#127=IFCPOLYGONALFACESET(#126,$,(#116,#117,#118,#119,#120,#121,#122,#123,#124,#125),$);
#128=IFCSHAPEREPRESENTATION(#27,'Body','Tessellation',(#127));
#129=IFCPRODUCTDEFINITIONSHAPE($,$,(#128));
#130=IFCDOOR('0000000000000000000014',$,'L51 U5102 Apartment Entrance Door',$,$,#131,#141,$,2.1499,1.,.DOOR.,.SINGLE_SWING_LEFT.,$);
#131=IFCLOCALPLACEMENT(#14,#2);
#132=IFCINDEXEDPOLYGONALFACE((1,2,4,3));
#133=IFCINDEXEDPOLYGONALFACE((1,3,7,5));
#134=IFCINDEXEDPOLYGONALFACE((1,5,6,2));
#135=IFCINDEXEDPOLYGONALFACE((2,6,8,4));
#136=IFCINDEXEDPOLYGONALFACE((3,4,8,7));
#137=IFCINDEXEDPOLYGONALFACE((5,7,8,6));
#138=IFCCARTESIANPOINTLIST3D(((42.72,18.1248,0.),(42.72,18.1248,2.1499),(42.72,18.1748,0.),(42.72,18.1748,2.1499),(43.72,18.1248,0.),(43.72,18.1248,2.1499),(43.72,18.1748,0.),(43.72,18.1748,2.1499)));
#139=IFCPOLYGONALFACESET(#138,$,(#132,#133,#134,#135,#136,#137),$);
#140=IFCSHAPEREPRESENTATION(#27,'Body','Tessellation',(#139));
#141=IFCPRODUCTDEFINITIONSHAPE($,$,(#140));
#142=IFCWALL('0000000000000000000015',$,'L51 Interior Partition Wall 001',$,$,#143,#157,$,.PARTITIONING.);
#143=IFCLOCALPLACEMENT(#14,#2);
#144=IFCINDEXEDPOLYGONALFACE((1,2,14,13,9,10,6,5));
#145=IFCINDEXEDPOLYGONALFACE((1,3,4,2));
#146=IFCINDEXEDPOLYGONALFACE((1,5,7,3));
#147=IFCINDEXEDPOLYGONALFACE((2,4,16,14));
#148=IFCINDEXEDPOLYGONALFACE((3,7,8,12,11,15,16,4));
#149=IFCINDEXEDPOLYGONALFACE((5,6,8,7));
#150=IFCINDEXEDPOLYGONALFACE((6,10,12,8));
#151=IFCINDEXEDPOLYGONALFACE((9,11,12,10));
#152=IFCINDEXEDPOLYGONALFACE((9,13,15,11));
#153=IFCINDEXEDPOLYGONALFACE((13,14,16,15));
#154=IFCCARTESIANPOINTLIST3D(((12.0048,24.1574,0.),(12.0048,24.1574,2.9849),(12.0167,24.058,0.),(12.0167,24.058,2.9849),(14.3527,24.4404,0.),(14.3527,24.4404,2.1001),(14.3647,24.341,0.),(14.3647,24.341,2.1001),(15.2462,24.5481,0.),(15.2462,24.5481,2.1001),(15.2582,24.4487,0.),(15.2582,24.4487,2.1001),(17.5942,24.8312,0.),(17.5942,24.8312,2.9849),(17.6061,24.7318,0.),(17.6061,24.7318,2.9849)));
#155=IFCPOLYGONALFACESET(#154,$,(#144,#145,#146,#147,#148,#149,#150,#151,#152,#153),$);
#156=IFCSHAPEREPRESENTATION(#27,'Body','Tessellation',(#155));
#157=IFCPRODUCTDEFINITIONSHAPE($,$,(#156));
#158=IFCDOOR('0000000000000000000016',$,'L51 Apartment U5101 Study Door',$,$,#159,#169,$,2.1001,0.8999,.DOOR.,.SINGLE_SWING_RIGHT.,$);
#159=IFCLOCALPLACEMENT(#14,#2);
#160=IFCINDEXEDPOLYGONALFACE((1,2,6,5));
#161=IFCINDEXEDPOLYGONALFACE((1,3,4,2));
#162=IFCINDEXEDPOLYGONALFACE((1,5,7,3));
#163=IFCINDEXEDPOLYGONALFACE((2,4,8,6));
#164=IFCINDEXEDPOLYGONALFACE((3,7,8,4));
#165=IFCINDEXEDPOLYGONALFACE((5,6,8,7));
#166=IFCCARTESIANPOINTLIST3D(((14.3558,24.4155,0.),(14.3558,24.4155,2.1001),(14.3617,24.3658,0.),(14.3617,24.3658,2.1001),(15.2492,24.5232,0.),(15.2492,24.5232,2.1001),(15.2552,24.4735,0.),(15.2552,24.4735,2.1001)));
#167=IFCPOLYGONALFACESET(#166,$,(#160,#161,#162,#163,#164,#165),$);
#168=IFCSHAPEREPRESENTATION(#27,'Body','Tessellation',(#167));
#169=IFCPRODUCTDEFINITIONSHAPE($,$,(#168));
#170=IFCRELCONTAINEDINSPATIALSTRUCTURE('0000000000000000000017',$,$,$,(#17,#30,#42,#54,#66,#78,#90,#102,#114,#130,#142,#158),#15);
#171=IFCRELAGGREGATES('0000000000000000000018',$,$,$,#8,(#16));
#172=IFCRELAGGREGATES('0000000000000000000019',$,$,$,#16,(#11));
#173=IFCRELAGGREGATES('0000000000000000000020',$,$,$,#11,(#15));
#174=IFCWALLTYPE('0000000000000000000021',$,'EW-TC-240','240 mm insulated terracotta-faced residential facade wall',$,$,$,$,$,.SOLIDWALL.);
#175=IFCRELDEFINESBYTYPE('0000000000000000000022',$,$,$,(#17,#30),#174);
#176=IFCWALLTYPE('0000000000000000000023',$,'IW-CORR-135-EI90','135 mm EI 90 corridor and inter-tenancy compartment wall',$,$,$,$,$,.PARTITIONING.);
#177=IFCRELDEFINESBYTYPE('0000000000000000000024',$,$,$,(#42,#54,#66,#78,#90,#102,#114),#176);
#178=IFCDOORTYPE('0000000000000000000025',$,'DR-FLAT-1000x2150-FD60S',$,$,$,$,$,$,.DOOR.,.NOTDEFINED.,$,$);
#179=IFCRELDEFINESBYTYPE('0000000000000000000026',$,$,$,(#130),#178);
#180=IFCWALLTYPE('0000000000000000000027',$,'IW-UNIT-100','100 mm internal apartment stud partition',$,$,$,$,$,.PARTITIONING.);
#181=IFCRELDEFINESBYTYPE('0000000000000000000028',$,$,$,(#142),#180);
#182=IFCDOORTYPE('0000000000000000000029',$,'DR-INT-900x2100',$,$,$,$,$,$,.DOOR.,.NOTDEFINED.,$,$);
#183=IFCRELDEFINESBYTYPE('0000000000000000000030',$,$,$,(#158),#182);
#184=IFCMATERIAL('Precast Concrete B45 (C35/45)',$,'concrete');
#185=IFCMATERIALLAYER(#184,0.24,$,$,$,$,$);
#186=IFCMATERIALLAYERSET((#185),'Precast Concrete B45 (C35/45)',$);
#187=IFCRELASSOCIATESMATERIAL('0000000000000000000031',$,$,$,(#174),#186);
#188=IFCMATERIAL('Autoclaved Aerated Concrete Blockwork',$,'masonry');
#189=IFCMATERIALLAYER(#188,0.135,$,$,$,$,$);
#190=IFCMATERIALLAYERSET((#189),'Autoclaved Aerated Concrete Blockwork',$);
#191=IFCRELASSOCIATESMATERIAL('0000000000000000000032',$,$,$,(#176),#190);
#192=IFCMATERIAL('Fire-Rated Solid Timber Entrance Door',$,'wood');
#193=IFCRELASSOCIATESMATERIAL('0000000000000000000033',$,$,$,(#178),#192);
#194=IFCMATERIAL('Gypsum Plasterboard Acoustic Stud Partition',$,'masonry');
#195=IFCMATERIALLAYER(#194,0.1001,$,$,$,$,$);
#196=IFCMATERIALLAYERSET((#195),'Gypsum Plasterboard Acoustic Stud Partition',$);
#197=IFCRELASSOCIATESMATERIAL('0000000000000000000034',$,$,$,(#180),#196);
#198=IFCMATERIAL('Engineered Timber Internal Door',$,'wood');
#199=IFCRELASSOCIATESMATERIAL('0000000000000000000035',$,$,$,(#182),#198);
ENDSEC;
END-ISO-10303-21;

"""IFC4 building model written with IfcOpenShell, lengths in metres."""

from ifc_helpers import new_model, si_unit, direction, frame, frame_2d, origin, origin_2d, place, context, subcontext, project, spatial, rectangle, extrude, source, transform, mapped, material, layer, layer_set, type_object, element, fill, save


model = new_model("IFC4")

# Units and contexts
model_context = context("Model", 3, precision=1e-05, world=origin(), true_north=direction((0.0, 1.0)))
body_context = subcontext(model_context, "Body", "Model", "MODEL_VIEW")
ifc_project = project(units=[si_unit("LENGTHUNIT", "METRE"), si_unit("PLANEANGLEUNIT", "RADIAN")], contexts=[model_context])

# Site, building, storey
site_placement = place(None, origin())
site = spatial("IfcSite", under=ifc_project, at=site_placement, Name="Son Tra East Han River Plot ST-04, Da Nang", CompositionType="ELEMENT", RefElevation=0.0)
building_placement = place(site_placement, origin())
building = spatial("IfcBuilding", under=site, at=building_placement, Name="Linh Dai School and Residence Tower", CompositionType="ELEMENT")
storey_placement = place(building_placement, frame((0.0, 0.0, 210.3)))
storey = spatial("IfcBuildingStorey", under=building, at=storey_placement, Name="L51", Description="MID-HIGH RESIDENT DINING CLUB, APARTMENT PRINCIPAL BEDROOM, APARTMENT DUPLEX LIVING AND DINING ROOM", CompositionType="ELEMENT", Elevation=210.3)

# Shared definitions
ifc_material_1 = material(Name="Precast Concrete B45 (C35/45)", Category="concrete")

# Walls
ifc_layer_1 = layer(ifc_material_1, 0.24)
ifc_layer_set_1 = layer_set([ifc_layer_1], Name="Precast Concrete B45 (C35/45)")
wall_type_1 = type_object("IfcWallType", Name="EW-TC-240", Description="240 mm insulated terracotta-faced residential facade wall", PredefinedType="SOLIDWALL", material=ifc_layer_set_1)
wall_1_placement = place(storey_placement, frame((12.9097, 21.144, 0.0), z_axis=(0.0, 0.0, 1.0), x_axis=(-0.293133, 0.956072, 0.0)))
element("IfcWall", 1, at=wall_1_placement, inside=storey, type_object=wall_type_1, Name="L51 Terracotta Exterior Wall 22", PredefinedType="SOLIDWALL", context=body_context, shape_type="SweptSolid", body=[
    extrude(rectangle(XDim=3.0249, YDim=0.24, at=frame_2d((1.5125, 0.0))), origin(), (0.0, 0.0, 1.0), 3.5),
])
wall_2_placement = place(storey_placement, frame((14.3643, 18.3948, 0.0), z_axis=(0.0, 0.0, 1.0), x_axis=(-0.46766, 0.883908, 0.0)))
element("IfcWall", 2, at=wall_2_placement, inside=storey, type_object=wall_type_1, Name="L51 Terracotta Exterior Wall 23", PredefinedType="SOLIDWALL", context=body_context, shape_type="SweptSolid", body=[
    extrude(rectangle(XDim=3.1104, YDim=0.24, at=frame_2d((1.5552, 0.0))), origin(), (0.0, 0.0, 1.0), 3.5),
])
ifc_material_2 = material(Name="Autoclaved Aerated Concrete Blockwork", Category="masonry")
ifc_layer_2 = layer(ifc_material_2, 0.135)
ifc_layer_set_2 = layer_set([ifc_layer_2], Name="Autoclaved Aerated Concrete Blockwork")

__Exercise prompt__
Look above for the line holding "#190=IFCMATERIALLAYERSET((#189),'Autoclaved Aerated Concrete" and the line holding "building model written", then output exactly those two lines and every line between them, nothing more.

__Reply__
#190=IFCMATERIALLAYERSET((#189),'Autoclaved Aerated Concrete Blockwork',$);
#191=IFCRELASSOCIATESMATERIAL('0000000000000000000032',$,$,$,(#176),#190);
#192=IFCMATERIAL('Fire-Rated Solid Timber Entrance Door',$,'wood');
#193=IFCRELASSOCIATESMATERIAL('0000000000000000000033',$,$,$,(#178),#192);
#194=IFCMATERIAL('Gypsum Plasterboard Acoustic Stud Partition',$,'masonry');
#195=IFCMATERIALLAYER(#194,0.1001,$,$,$,$,$);
#196=IFCMATERIALLAYERSET((#195),'Gypsum Plasterboard Acoustic Stud Partition',$);
#197=IFCRELASSOCIATESMATERIAL('0000000000000000000034',$,$,$,(#180),#196);
#198=IFCMATERIAL('Engineered Timber Internal Door',$,'wood');
#199=IFCRELASSOCIATESMATERIAL('0000000000000000000035',$,$,$,(#182),#198);
ENDSEC;
END-ISO-10303-21;

"""IFC4 building model written with IfcOpenShell, lengths in metres."""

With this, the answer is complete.